-- What the exercise asks --
Whenever the word "glazing" turns up in a line of the data below, copy that line.

(Saved entries)

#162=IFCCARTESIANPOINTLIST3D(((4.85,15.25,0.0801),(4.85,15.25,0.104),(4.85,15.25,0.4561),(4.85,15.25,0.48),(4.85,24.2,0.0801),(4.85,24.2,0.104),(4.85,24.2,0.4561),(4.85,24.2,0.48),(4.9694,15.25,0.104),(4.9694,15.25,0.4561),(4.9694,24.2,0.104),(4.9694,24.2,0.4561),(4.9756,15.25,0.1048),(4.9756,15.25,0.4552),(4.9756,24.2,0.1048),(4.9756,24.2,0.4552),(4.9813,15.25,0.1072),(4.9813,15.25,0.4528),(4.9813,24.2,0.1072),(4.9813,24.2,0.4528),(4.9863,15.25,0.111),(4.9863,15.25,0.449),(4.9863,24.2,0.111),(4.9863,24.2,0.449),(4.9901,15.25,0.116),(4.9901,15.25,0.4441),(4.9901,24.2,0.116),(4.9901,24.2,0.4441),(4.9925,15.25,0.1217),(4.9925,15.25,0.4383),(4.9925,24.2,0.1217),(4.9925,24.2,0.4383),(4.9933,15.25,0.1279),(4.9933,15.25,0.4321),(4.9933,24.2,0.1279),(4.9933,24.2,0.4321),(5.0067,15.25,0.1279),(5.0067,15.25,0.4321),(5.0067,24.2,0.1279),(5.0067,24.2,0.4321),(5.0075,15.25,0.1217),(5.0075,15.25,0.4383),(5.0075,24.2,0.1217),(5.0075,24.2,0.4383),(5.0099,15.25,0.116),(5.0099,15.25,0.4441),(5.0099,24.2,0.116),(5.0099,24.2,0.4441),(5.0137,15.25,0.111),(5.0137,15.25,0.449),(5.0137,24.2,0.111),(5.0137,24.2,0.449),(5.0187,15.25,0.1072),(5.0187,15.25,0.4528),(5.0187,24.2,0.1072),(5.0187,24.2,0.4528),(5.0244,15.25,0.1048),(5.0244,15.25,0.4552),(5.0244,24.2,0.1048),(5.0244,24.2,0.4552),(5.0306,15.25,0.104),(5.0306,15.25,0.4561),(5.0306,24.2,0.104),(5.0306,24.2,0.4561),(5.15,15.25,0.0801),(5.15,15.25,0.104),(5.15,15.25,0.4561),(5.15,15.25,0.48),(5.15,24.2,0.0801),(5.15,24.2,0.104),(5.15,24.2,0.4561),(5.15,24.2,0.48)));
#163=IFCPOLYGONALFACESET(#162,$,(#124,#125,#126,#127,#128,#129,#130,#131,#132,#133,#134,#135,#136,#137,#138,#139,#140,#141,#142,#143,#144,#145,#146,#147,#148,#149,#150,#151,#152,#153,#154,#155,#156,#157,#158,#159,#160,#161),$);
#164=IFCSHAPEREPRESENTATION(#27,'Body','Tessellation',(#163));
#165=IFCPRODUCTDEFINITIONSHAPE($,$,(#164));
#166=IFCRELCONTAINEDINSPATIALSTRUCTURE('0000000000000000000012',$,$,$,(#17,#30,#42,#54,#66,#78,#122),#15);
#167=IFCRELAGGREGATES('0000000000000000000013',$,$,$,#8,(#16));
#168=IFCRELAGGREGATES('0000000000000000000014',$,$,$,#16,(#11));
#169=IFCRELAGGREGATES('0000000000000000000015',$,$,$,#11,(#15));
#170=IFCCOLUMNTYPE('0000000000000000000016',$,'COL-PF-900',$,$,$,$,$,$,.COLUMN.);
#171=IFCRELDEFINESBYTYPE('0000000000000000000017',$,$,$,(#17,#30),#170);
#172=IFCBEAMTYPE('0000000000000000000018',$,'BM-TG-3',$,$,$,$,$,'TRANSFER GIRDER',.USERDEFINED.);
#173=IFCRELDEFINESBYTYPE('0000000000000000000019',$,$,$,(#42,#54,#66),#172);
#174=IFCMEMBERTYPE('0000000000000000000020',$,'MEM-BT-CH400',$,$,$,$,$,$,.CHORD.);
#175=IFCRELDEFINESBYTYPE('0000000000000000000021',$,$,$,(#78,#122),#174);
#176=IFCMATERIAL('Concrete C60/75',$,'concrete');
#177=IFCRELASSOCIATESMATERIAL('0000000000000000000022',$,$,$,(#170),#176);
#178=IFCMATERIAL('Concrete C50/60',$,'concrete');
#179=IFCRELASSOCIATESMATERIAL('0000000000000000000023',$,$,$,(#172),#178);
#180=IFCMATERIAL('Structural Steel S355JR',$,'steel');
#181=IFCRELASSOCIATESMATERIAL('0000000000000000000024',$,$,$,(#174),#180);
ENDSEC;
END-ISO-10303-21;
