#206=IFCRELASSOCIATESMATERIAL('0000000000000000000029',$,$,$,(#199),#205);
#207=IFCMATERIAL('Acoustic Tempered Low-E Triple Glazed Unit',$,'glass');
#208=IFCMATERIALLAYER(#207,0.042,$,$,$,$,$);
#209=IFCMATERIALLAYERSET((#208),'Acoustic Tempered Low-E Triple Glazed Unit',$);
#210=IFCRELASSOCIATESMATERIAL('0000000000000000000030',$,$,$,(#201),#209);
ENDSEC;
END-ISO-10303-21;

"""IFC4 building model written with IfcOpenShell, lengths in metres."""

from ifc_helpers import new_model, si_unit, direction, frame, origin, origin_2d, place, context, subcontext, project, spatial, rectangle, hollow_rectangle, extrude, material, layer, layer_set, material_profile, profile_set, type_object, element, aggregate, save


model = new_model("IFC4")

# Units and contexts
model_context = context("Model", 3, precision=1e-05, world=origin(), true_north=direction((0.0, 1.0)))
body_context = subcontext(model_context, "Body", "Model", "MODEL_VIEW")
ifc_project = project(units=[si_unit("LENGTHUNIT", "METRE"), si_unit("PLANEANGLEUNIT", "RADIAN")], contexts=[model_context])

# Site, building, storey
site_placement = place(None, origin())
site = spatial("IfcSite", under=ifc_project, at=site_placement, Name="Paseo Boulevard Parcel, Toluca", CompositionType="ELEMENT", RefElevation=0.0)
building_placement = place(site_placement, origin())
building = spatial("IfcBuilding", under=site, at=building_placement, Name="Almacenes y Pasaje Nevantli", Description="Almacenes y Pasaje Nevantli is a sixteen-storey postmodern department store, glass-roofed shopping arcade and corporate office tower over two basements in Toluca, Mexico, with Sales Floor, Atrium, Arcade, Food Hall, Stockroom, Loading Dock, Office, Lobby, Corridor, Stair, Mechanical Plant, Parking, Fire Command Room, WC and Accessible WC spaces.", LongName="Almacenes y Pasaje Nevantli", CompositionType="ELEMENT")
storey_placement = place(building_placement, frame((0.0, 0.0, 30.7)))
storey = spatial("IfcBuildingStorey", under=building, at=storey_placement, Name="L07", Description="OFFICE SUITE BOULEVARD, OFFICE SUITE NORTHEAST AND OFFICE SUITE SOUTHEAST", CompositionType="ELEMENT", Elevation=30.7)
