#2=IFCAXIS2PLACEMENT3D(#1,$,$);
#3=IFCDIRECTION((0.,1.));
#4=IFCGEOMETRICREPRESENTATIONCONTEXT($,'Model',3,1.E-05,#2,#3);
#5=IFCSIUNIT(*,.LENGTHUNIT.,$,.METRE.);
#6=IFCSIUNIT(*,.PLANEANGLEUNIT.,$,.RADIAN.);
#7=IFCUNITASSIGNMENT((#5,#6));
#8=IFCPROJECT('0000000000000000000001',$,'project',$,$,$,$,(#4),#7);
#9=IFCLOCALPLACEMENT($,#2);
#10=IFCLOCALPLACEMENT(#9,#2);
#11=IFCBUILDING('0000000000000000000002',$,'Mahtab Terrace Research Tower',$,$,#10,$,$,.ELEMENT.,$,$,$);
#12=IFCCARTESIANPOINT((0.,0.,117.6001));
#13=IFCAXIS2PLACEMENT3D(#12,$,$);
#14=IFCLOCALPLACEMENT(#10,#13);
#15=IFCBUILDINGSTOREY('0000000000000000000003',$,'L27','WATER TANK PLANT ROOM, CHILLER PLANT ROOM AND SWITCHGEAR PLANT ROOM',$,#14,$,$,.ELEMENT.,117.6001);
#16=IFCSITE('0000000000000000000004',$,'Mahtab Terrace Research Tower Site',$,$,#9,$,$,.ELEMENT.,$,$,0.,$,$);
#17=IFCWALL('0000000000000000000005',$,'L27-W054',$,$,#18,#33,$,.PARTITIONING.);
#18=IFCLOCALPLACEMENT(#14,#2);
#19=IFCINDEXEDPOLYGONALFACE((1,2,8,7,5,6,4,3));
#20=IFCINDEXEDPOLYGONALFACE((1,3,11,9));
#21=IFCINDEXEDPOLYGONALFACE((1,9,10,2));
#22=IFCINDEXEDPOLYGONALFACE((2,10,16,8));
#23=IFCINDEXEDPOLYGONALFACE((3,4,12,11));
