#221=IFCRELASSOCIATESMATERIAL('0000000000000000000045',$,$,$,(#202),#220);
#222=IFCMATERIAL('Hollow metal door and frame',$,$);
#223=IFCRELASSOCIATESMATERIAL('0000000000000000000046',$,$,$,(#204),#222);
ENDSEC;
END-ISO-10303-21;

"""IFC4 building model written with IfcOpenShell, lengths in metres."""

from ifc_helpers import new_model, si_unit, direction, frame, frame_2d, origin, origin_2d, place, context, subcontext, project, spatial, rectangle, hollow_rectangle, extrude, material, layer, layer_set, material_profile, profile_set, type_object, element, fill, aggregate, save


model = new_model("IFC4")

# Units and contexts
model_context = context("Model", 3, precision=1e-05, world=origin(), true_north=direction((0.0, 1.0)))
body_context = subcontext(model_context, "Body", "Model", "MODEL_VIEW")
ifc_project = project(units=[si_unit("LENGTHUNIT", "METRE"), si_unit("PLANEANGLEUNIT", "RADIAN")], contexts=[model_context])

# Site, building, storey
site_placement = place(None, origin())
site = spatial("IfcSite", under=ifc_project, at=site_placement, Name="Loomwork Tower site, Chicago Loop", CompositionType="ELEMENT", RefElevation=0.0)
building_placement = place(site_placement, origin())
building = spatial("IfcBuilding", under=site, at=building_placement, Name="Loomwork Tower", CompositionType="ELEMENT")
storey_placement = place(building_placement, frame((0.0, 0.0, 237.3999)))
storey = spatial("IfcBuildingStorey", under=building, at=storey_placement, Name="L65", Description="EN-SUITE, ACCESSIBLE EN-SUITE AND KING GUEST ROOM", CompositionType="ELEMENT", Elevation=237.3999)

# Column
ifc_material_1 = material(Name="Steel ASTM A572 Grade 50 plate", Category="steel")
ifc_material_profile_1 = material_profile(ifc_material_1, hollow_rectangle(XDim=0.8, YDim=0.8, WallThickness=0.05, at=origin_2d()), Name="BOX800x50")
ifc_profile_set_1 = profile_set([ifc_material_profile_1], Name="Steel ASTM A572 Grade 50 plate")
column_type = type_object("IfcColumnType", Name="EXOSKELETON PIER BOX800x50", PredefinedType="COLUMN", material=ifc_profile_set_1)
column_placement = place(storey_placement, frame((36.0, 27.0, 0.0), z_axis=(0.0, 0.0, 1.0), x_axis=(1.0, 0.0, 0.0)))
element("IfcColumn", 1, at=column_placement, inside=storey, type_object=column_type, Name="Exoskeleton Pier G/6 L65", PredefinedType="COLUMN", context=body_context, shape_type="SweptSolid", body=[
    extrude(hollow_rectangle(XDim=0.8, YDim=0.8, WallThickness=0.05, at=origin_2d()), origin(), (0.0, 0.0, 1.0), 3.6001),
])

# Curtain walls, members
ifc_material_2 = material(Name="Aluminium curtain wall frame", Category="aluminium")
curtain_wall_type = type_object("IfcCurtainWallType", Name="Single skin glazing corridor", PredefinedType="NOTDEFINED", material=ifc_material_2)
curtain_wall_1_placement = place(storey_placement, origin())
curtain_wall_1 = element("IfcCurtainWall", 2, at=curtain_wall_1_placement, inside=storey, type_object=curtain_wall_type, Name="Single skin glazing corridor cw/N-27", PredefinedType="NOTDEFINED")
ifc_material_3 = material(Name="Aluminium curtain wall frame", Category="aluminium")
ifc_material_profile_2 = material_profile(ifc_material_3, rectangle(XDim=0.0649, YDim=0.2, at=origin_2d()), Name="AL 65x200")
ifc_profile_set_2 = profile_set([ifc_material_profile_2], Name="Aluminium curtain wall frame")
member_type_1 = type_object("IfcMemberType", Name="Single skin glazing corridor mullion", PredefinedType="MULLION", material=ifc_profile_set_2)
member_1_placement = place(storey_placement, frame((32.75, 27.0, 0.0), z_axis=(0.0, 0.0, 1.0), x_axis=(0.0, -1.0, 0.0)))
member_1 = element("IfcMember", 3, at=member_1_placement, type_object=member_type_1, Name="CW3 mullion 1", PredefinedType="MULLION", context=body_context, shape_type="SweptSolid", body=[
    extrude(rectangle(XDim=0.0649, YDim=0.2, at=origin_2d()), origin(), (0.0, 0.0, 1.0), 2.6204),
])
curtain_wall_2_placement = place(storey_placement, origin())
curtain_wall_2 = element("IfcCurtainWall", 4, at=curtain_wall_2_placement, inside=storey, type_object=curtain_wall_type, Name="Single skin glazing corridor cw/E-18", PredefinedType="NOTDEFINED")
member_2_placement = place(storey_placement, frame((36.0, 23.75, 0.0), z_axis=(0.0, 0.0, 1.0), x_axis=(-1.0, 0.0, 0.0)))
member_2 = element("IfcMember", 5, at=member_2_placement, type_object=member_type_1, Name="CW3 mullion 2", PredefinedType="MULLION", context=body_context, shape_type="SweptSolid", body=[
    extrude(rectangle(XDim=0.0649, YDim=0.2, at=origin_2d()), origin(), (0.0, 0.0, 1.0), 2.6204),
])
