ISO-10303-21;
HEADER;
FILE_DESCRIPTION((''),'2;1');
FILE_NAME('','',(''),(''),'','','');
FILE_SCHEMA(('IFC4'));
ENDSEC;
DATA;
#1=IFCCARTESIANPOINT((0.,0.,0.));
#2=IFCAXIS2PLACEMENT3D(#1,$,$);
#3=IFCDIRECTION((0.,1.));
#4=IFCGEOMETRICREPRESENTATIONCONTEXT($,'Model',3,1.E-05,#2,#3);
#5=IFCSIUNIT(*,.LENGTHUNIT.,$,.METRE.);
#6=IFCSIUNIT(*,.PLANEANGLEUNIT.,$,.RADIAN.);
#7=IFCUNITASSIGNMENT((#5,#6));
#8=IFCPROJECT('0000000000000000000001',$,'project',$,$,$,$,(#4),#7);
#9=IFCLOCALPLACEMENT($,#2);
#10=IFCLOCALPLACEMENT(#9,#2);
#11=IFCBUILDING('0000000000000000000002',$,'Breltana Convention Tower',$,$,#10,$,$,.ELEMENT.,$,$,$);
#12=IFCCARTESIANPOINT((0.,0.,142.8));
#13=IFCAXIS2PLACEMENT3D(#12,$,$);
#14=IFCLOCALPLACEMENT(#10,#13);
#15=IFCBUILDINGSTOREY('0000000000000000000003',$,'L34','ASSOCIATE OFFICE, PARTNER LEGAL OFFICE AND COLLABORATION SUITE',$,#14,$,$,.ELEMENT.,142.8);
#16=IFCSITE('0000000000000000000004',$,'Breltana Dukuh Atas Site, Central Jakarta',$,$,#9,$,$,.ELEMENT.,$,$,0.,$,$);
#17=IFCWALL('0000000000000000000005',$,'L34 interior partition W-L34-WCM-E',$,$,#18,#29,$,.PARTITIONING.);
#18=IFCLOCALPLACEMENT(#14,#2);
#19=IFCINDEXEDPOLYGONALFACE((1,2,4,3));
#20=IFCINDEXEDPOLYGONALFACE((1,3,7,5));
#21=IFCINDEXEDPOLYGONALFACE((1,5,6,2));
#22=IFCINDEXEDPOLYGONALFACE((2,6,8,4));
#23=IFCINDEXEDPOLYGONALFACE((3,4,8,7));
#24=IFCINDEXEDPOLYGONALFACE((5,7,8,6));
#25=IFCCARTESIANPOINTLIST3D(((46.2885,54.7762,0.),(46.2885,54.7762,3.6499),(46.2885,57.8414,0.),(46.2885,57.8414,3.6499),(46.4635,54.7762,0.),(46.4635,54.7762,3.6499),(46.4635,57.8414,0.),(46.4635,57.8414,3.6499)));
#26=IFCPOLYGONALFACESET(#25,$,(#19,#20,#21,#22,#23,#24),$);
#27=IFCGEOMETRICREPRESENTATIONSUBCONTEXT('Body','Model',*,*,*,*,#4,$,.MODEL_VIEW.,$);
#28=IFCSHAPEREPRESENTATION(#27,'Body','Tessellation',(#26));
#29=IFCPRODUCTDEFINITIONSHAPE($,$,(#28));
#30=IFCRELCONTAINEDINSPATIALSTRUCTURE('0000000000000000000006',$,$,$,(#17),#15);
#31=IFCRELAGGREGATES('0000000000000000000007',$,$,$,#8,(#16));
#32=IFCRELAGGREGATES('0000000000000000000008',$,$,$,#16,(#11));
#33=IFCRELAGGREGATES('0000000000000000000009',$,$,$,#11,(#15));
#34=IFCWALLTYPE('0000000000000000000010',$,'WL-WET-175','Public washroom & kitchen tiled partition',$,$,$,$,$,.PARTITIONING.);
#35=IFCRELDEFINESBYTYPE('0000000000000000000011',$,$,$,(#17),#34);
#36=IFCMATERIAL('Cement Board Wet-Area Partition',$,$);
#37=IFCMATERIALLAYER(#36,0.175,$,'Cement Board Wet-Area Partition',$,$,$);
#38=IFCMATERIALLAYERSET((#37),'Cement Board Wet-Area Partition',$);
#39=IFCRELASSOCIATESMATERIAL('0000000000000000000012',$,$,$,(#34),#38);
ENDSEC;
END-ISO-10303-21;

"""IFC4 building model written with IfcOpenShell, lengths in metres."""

from ifc_helpers import new_model, si_unit, direction, frame, frame_2d, origin, place, context, subcontext, project, spatial, rectangle, extrude, source, transform, mapped, material, layer, layer_set, type_object, element, save


model = new_model("IFC4")

# Units and contexts
model_context = context("Model", 3, precision=1e-05, world=origin(), true_north=direction((0.0, 1.0)))
body_context = subcontext(model_context, "Body", "Model", "MODEL_VIEW")
ifc_project = project(units=[si_unit("LENGTHUNIT", "METRE"), si_unit("PLANEANGLEUNIT", "RADIAN")], contexts=[model_context])

# Site, building, storey
site_placement = place(None, origin())
site = spatial("IfcSite", under=ifc_project, at=site_placement, Name="Breltana Dukuh Atas Site, Central Jakarta", CompositionType="ELEMENT", RefElevation=0.0)
building_placement = place(site_placement, origin())
building = spatial("IfcBuilding", under=site, at=building_placement, Name="Breltana Convention Tower", CompositionType="ELEMENT")
storey_placement = place(building_placement, frame((0.0, 0.0, 142.8)))
storey = spatial("IfcBuildingStorey", under=building, at=storey_placement, Name="L34", Description="ASSOCIATE OFFICE, PARTNER LEGAL OFFICE AND COLLABORATION SUITE", CompositionType="ELEMENT", Elevation=142.8)

# Wall
ifc_material_1 = material(Name="Cement Board Wet-Area Partition")
ifc_layer_1 = layer(ifc_material_1, 0.175, Name="Cement Board Wet-Area Partition")
ifc_layer_set_1 = layer_set([ifc_layer_1], Name="Cement Board Wet-Area Partition")
wall_type_1 = type_object("IfcWallType", Name="WL-WET-175", Description="Public washroom & kitchen tiled partition", PredefinedType="PARTITIONING", material=ifc_layer_set_1)
shared_shape_1 = source(origin(), body_context, "Body", "SweptSolid", [
    extrude(rectangle(XDim=3.0652, YDim=0.175, at=frame_2d((1.5327, 0.0))), origin(), (0.0, 0.0, 1.0), 3.6499),
])
wall_1_placement = place(storey_placement, frame((46.376, 54.7761, 0.0), z_axis=(0.0, 0.0, 1.0), x_axis=(0.0, 1.0, 0.0)))
element("IfcWall", 1, at=wall_1_placement, inside=storey, type_object=wall_type_1, Name="L34 interior partition W-L34-WCM-E", PredefinedType="PARTITIONING", context=body_context, shape_type="MappedRepresentation", body=[
    mapped(shared_shape_1, transform((0.0, 0.0, 0.0), scale=1.0)),
])

save(model, "model.ifc")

-- Answer --
curtain_wall_type = type_object("IfcCurtainWallType", Name="Single skin glazing corridor", PredefinedType="NOTDEFINED", material=ifc_material_2)
curtain_wall_1 = element("IfcCurtainWall", 2, at=curtain_wall_1_placement, inside=storey, type_object=curtain_wall_type, Name="Single skin glazing corridor cw/N-27", PredefinedType="NOTDEFINED")
member_type_1 = type_object("IfcMemberType", Name="Single skin glazing corridor mullion", PredefinedType="MULLION", material=ifc_profile_set_2)
curtain_wall_2 = element("IfcCurtainWall", 4, at=curtain_wall_2_placement, inside=storey, type_object=curtain_wall_type, Name="Single skin glazing corridor cw/E-18", PredefinedType="NOTDEFINED")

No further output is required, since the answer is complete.